The answer must be every line of the records below that contains the word "IFCRELDEFINESBYTYPE", copied out.

*** Provided information ***

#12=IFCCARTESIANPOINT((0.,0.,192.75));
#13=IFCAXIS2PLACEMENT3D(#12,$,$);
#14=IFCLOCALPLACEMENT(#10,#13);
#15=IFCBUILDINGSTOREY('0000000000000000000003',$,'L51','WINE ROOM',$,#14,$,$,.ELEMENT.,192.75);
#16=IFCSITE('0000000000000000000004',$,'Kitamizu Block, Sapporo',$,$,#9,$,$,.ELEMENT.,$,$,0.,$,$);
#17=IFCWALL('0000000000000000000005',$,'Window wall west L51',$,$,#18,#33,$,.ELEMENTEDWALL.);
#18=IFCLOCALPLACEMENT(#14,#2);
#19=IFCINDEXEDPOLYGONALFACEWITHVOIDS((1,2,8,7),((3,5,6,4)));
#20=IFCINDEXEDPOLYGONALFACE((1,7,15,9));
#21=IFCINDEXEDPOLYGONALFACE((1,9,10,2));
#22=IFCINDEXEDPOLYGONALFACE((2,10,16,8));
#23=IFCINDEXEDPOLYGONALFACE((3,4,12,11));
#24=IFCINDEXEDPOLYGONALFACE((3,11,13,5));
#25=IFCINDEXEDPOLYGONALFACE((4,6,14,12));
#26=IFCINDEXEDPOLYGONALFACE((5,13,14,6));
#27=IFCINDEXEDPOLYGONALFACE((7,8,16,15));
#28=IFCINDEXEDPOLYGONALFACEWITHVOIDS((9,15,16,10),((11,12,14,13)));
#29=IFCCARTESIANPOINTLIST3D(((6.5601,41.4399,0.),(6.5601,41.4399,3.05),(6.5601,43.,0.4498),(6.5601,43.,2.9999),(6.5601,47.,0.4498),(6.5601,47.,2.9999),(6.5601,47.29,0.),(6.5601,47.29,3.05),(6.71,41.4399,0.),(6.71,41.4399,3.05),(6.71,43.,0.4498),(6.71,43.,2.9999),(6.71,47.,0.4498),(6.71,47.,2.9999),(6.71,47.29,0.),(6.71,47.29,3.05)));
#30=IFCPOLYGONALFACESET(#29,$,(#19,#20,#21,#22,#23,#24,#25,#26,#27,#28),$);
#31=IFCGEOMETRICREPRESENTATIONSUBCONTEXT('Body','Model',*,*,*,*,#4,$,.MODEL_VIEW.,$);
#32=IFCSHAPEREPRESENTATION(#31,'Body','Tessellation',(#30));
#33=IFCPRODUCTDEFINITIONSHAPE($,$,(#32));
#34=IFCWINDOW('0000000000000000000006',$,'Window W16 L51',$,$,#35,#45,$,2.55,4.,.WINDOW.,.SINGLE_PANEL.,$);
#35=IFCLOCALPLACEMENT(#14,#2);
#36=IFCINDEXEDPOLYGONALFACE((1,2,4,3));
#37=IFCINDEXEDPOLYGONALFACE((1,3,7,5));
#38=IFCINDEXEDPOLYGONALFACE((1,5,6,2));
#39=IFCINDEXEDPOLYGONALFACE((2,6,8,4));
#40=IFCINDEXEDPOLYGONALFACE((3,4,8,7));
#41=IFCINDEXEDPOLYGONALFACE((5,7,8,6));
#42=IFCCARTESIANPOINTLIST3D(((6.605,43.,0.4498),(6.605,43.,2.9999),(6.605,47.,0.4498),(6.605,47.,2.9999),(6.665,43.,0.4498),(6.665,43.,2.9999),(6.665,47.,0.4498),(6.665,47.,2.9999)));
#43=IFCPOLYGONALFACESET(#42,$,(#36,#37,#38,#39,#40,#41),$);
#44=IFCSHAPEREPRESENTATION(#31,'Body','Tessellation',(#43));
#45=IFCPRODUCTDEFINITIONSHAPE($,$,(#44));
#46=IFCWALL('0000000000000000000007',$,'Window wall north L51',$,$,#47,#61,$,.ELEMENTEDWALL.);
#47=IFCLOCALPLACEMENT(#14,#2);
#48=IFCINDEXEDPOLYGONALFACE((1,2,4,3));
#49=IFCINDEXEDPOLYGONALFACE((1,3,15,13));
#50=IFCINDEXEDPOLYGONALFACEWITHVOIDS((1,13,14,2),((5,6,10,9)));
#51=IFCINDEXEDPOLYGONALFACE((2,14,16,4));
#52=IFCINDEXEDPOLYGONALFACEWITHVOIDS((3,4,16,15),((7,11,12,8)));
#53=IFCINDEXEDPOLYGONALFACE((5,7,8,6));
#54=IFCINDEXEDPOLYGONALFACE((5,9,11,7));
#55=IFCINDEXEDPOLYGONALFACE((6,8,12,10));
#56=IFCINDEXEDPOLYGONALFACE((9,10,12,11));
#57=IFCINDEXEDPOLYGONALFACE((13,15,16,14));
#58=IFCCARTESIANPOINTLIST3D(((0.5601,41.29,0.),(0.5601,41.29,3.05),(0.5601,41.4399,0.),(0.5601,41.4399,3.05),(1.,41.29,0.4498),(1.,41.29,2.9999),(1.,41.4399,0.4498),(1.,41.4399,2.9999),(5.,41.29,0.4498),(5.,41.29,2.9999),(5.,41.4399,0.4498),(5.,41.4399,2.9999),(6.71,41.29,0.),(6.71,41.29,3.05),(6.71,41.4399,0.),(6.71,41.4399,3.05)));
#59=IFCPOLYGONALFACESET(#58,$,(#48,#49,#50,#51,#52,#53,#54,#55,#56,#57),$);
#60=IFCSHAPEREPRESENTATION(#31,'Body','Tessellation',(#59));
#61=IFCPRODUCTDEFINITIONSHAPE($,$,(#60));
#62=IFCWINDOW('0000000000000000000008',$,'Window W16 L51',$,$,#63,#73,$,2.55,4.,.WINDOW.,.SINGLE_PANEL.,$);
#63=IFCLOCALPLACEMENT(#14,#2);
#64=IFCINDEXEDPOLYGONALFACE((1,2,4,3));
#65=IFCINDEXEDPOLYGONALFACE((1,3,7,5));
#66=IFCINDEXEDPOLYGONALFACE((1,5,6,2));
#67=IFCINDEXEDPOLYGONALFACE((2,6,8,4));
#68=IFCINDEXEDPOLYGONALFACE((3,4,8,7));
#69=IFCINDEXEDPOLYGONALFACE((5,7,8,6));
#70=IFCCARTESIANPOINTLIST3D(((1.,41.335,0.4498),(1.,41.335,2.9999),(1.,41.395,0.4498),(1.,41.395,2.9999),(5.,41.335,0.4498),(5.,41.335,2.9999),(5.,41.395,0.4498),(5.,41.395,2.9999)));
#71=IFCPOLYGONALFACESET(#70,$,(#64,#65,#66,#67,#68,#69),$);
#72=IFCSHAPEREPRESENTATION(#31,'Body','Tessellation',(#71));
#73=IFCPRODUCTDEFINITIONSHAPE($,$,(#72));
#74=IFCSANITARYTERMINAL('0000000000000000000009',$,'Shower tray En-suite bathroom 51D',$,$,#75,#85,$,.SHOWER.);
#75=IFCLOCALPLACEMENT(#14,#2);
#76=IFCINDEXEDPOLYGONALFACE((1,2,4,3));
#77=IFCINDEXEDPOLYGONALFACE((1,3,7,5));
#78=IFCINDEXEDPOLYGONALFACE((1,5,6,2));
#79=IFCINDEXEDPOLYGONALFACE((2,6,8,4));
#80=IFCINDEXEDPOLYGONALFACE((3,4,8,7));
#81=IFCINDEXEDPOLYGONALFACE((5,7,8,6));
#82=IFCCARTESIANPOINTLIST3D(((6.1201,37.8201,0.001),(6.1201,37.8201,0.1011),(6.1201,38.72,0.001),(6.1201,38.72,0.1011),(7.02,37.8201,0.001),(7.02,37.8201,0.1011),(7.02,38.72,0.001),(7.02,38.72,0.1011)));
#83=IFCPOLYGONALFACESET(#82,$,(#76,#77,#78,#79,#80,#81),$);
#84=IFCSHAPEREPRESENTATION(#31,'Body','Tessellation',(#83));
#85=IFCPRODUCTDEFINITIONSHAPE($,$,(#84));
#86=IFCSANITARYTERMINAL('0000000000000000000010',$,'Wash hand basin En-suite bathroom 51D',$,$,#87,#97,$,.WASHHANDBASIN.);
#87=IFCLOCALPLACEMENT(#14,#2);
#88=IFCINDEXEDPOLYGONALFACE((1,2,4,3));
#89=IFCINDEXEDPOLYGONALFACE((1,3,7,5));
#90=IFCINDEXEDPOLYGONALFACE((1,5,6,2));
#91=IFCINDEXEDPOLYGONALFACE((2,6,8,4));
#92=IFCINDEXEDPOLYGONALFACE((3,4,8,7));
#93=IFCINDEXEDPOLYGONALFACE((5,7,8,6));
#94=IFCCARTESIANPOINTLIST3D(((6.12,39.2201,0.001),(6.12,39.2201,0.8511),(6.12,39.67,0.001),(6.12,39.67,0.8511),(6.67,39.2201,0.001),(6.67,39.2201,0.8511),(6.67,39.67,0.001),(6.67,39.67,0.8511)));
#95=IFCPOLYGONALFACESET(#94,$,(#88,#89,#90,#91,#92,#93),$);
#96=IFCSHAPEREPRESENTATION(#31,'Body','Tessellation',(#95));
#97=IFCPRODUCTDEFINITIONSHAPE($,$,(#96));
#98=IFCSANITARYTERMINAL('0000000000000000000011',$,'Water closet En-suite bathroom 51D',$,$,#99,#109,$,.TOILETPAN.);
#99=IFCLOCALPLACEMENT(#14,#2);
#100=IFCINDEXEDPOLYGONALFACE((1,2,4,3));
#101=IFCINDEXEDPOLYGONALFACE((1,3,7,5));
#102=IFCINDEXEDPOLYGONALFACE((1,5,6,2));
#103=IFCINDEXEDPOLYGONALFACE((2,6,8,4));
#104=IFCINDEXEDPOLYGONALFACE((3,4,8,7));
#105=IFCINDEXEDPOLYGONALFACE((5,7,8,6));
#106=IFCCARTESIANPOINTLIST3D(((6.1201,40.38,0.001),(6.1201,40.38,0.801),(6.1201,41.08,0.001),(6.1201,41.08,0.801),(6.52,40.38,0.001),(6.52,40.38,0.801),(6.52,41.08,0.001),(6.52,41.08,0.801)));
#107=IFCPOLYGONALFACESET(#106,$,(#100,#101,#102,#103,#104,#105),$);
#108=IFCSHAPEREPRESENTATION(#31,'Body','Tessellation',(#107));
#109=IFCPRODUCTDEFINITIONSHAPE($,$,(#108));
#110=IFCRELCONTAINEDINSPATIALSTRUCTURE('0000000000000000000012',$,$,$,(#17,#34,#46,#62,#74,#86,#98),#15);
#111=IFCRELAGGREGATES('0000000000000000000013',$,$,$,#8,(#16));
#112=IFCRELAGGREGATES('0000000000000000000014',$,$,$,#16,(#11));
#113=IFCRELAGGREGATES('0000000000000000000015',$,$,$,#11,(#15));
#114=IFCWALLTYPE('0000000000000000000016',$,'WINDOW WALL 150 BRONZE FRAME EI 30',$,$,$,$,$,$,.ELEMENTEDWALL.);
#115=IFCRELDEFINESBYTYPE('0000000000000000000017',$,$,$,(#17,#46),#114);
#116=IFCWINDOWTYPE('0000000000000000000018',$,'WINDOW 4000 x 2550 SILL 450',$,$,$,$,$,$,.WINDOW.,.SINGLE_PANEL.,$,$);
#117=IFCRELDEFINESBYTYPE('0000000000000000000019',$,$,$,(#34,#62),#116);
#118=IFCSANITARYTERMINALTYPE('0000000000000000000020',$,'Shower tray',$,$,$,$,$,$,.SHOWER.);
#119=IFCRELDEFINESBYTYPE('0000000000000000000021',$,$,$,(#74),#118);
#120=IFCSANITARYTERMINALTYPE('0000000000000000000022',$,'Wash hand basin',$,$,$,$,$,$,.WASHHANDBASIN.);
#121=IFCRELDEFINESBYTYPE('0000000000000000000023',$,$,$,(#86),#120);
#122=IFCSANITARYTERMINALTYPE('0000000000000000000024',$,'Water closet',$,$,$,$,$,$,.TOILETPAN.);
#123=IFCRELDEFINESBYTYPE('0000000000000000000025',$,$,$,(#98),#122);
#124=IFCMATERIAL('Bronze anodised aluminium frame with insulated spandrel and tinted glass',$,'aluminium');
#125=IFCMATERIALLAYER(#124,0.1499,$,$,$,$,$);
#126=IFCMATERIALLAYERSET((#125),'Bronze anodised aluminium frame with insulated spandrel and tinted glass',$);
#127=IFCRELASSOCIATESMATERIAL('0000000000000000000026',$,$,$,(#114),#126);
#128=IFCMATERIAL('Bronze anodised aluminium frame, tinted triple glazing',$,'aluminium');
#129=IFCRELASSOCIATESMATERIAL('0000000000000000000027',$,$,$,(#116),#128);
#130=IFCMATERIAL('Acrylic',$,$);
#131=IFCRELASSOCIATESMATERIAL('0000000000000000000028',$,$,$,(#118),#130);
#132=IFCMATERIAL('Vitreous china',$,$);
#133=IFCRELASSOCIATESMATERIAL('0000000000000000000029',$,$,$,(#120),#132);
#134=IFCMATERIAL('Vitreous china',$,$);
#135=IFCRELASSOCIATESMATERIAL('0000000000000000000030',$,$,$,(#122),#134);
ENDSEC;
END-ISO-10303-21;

*** End of Provided information ***

» **Result of the task**
#115=IFCRELDEFINESBYTYPE('0000000000000000000017',$,$,$,(#17,#46),#114);
#117=IFCRELDEFINESBYTYPE('0000000000000000000019',$,$,$,(#34,#62),#116);
#119=IFCRELDEFINESBYTYPE('0000000000000000000021',$,$,$,(#74),#118);
#121=IFCRELDEFINESBYTYPE('0000000000000000000023',$,$,$,(#86),#120);
#123=IFCRELDEFINESBYTYPE('0000000000000000000025',$,$,$,(#98),#122);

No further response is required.